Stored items
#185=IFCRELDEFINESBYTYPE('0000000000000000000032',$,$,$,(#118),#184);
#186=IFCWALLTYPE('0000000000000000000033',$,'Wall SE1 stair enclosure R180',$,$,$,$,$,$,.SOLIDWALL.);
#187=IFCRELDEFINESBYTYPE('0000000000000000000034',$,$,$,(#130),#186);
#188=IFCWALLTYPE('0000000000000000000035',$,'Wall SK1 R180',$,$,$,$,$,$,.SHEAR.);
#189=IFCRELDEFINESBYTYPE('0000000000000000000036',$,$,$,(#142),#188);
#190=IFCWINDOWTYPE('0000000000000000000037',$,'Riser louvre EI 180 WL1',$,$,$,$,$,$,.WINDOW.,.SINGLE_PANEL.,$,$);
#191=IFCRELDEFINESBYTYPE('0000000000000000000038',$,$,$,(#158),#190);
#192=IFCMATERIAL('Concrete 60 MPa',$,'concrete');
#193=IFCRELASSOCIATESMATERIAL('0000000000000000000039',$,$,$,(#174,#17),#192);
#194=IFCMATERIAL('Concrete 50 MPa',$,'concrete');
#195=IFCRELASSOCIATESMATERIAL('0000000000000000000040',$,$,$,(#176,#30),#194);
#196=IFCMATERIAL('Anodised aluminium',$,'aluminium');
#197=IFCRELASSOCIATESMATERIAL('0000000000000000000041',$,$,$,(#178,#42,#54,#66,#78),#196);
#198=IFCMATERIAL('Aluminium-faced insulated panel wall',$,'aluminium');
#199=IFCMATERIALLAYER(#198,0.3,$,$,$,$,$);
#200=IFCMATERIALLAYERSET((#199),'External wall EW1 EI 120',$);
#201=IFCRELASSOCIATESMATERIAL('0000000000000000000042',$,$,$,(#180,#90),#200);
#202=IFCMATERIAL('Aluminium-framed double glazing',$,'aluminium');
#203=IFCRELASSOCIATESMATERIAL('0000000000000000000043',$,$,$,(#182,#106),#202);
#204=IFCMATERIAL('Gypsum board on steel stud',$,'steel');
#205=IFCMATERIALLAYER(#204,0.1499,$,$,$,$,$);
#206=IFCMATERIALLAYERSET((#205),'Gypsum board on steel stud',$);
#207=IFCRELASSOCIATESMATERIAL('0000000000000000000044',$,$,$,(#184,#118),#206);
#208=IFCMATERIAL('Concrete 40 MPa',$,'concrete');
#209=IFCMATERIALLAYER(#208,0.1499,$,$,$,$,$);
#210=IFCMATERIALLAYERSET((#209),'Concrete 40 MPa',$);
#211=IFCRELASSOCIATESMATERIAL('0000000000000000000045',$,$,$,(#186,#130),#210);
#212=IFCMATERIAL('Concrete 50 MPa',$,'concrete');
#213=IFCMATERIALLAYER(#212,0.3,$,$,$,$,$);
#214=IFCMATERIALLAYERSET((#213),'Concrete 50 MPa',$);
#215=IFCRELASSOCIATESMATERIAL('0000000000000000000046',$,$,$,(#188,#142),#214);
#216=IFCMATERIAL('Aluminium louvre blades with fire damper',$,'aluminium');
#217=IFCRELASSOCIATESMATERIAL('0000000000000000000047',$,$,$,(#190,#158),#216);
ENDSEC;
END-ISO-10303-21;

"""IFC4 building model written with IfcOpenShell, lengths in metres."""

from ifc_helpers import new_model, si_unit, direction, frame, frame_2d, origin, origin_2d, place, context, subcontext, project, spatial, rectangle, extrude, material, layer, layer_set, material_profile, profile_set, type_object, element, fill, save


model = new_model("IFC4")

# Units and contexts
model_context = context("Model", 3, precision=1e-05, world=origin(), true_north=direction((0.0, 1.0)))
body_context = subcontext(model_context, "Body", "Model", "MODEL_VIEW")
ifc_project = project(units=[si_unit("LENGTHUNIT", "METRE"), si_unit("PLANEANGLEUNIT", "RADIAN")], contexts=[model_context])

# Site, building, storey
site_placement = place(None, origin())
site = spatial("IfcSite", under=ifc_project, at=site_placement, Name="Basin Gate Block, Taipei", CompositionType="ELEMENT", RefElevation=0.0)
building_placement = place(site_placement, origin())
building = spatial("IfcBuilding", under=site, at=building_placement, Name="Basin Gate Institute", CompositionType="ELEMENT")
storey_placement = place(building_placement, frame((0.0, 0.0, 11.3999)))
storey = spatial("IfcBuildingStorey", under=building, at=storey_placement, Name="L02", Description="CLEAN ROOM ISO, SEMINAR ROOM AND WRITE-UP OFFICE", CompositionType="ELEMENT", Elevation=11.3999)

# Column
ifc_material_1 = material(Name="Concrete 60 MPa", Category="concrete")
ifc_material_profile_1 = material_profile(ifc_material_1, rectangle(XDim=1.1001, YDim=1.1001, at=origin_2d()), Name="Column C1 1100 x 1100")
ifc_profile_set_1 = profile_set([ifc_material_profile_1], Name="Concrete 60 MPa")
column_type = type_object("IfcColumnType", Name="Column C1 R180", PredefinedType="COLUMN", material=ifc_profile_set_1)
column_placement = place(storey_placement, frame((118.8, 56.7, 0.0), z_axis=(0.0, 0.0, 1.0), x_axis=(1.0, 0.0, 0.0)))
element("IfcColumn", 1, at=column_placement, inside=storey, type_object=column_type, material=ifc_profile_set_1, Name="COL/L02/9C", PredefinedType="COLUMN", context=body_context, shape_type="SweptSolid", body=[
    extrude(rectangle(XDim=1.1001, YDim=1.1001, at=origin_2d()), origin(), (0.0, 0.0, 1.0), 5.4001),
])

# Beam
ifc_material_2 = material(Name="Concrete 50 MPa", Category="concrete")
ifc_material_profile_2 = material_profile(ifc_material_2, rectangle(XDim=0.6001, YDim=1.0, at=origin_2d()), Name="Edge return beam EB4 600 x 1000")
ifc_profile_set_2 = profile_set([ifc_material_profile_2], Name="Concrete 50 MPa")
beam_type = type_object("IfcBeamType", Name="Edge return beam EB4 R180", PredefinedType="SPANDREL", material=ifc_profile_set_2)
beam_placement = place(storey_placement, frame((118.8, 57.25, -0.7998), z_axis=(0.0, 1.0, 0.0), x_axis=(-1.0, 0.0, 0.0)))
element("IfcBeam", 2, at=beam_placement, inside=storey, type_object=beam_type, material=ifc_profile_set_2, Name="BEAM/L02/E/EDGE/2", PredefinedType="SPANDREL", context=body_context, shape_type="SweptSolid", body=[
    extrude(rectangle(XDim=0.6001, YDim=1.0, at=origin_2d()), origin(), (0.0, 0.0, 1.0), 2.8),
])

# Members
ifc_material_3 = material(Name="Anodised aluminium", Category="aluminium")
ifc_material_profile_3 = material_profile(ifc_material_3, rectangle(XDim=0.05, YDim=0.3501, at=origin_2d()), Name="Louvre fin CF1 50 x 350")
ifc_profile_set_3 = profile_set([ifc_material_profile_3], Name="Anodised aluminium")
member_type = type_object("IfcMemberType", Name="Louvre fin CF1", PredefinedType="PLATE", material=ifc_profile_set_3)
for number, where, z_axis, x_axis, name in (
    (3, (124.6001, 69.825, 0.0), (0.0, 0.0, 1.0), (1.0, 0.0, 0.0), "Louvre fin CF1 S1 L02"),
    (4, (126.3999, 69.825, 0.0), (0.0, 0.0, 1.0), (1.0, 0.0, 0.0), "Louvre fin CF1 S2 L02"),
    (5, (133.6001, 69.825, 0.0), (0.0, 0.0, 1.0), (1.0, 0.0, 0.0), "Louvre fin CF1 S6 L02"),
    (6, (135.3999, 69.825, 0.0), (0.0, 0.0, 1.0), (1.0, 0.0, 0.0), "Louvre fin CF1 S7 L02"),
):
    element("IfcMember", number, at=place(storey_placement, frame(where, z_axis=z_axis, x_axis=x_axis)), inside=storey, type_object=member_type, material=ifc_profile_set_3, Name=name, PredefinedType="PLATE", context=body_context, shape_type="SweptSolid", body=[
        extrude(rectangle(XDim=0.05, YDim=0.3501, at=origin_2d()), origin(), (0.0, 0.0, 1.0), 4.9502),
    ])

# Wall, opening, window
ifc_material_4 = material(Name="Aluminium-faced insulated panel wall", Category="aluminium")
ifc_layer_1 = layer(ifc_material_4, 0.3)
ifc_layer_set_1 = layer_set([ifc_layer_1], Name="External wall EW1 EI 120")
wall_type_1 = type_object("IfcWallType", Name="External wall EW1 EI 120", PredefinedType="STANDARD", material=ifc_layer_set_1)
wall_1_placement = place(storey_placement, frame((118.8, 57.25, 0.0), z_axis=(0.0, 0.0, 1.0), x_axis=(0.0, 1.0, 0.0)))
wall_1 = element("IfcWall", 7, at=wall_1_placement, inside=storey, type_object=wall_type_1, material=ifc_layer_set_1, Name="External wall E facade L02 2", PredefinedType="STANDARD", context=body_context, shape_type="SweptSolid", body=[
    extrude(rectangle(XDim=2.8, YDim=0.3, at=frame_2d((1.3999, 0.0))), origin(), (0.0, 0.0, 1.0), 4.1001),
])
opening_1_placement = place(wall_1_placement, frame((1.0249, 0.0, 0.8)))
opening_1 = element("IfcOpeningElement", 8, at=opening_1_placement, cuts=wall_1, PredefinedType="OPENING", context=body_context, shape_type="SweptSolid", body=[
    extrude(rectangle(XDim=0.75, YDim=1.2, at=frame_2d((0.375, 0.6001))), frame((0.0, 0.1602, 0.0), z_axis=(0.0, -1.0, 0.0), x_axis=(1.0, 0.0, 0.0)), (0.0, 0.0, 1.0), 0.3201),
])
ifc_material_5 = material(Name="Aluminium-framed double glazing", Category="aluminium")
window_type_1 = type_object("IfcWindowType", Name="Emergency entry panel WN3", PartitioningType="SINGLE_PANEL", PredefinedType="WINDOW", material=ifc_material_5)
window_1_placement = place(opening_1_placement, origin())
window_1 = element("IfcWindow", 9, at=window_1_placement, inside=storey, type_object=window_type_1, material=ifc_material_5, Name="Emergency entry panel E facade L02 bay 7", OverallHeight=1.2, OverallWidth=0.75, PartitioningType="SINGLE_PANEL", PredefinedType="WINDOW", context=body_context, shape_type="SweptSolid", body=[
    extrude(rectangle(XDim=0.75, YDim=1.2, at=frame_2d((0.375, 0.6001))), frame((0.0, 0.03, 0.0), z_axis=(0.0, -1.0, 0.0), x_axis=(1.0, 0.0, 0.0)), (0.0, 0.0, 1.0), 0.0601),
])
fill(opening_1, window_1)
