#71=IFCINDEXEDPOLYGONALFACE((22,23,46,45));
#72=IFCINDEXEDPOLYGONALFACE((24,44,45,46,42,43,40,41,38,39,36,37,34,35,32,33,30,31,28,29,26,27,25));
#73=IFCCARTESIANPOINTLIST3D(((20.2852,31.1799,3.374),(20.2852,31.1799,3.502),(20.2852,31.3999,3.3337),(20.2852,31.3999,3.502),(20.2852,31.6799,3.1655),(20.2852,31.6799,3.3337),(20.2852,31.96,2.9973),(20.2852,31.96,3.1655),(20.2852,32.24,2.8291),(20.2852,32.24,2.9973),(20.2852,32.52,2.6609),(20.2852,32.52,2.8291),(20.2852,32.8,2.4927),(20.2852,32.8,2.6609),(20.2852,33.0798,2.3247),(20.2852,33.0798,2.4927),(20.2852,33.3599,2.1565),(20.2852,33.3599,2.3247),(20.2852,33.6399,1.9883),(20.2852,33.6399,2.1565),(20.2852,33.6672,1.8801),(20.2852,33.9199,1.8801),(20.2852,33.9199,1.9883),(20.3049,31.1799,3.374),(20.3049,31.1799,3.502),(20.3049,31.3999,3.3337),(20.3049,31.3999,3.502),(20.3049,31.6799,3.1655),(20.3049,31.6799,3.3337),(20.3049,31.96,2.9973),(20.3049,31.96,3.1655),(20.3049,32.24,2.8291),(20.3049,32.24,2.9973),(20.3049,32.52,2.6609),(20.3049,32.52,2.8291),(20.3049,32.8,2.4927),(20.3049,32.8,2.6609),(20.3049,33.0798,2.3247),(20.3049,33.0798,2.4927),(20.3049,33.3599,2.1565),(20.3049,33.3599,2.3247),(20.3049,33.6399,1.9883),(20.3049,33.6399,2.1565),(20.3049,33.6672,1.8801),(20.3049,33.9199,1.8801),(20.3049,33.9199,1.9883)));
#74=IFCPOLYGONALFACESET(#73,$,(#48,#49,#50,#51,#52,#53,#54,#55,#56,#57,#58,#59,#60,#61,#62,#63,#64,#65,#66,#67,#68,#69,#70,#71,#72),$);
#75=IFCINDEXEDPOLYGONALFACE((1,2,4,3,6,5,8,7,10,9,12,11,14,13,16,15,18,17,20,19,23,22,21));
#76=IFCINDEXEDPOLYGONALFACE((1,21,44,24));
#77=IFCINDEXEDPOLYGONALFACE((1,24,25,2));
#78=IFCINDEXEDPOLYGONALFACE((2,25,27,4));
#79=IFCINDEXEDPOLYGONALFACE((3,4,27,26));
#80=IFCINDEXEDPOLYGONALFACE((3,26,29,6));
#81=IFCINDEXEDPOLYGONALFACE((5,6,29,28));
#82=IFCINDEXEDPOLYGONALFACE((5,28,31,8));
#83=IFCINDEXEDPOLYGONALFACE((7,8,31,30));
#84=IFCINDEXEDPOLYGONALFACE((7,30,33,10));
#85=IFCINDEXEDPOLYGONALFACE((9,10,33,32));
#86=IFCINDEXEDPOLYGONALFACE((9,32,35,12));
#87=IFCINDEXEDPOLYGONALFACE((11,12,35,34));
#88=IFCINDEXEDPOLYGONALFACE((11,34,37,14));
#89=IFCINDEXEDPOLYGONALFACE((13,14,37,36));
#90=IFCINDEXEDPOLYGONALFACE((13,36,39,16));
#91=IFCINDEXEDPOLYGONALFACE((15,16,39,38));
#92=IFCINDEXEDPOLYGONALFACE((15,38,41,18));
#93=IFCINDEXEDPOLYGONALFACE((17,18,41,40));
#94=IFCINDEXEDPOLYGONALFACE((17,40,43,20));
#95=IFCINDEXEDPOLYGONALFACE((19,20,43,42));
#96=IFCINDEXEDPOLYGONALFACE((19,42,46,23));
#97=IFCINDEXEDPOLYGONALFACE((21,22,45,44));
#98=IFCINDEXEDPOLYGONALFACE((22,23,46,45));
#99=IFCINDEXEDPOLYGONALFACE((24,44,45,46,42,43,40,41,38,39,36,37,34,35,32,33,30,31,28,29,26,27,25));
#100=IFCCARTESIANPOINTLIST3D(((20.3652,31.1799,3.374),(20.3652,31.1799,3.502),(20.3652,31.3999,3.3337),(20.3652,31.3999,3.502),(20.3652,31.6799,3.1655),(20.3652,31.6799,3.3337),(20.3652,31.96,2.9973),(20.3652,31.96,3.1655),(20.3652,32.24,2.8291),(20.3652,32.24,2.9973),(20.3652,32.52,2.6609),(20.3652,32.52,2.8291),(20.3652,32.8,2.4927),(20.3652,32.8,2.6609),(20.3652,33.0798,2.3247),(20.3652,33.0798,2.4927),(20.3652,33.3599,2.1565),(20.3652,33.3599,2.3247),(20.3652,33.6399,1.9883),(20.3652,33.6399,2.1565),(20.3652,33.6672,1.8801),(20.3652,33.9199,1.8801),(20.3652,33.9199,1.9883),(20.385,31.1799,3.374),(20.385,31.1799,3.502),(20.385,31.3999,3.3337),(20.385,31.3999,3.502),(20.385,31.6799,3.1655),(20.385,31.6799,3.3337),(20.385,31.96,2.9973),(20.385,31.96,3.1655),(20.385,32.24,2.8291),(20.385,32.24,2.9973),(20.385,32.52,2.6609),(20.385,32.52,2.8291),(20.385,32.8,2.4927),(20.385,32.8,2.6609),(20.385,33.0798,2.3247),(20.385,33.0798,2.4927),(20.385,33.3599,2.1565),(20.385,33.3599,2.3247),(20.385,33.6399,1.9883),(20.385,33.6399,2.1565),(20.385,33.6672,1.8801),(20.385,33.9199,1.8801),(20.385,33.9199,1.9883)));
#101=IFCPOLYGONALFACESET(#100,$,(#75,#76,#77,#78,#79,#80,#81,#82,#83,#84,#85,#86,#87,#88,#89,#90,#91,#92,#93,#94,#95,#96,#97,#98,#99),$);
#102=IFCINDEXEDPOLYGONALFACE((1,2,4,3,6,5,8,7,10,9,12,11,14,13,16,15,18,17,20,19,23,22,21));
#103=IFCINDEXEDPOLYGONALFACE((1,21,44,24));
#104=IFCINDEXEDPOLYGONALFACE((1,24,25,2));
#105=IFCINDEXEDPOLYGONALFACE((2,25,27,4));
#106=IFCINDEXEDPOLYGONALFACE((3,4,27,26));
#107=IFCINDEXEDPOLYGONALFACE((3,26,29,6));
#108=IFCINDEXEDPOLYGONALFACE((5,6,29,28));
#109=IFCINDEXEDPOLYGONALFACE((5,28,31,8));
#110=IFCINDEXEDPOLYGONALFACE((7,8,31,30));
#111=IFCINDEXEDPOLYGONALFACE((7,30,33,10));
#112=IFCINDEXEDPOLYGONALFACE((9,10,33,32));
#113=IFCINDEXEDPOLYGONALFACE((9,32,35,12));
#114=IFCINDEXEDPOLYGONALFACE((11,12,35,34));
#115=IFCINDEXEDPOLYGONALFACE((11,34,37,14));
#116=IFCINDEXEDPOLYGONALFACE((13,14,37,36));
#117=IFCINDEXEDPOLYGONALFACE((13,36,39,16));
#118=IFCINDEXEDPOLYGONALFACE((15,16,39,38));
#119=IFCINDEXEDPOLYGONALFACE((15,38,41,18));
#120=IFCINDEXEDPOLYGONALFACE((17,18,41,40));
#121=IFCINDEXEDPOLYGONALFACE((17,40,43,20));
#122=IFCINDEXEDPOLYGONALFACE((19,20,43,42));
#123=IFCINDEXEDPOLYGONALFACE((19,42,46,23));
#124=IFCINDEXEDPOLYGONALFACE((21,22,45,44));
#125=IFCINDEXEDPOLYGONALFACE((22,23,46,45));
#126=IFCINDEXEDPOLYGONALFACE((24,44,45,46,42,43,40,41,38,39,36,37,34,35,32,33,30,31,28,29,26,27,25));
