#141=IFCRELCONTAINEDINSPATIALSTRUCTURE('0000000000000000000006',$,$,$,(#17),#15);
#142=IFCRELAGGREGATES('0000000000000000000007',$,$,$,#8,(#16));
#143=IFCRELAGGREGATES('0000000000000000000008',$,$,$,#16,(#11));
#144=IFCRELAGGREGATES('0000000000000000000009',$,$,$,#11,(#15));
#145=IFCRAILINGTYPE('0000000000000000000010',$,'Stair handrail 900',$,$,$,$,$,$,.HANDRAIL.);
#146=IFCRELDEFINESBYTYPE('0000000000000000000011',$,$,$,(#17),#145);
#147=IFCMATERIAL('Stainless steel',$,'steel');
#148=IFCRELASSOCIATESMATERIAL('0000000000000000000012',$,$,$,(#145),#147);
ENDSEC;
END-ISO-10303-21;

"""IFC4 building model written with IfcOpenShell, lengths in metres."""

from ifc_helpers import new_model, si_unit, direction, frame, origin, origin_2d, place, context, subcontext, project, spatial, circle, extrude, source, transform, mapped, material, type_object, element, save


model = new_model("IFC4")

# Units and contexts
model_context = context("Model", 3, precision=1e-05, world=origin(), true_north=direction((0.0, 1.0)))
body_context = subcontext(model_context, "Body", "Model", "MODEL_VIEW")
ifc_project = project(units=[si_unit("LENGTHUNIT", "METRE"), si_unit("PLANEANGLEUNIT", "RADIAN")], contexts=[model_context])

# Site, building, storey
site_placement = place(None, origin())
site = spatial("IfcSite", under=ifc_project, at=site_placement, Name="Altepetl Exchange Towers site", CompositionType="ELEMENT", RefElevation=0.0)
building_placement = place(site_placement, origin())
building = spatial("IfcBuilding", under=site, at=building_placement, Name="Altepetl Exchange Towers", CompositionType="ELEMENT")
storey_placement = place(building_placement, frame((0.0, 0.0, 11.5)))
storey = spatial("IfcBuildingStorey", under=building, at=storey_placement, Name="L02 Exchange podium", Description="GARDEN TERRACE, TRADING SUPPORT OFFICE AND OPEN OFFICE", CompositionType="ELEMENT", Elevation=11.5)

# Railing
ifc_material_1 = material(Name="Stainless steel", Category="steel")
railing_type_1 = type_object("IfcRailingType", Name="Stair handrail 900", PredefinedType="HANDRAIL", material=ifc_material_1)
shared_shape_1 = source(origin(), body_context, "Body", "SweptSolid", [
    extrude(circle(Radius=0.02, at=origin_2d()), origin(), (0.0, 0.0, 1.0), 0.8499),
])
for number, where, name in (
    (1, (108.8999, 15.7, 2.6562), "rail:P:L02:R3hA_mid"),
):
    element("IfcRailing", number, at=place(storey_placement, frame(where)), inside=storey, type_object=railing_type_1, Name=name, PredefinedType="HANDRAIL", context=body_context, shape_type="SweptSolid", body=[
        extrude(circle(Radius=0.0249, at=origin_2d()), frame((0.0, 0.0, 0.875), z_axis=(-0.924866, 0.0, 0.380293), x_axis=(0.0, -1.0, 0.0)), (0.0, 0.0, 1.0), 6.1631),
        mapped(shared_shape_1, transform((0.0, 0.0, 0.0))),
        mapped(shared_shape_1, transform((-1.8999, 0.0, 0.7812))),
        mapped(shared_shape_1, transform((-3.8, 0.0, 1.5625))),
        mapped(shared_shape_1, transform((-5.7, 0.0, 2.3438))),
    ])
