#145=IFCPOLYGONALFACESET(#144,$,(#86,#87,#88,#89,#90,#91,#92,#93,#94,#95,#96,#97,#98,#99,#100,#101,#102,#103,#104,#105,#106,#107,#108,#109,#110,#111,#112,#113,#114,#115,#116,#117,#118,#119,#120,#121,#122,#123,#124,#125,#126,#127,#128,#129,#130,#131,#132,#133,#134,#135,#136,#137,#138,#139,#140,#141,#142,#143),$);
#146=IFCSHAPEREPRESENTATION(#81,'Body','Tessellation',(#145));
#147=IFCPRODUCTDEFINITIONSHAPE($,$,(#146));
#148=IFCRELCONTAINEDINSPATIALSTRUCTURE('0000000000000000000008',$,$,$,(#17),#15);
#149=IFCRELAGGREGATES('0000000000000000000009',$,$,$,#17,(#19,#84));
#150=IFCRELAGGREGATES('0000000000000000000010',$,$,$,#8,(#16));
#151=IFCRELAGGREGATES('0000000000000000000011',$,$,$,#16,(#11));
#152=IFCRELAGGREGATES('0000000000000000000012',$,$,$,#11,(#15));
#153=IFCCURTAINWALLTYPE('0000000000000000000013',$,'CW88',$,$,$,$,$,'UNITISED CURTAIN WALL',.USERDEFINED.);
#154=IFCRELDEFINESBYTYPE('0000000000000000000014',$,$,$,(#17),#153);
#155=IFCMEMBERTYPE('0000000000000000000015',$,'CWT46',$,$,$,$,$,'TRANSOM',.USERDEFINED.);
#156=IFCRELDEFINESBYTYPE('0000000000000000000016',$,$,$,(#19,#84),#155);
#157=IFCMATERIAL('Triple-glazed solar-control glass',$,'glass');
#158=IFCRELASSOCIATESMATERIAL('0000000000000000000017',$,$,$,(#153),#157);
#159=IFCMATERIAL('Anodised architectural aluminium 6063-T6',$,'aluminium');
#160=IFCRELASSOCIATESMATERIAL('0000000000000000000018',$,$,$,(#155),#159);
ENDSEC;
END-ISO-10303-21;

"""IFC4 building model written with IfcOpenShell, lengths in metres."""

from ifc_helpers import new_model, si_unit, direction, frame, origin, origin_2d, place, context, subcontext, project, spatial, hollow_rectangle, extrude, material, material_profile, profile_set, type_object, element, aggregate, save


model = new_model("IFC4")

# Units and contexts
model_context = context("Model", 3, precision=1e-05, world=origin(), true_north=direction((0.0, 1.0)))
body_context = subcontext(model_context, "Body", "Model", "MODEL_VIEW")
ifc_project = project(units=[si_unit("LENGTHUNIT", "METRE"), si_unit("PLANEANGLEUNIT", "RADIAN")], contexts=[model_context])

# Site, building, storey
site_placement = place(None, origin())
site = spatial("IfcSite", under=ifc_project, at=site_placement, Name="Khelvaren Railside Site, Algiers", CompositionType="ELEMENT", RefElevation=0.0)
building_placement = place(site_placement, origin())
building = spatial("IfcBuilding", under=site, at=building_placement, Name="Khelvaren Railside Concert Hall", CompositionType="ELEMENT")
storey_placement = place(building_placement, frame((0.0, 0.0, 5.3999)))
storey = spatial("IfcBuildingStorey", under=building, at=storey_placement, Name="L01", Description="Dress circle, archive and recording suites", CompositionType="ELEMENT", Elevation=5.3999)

What you should do
Filter the entries down to the lines containing "fill". Copy each of those lines.

Task response
from ifc_helpers import new_model, si_unit, direction, frame, frame_2d, origin, origin_2d, place, context, subcontext, project, spatial, rectangle, extrude, material, layer, layer_set, material_profile, profile_set, type_object, element, fill, save
fill(opening_1, window_1)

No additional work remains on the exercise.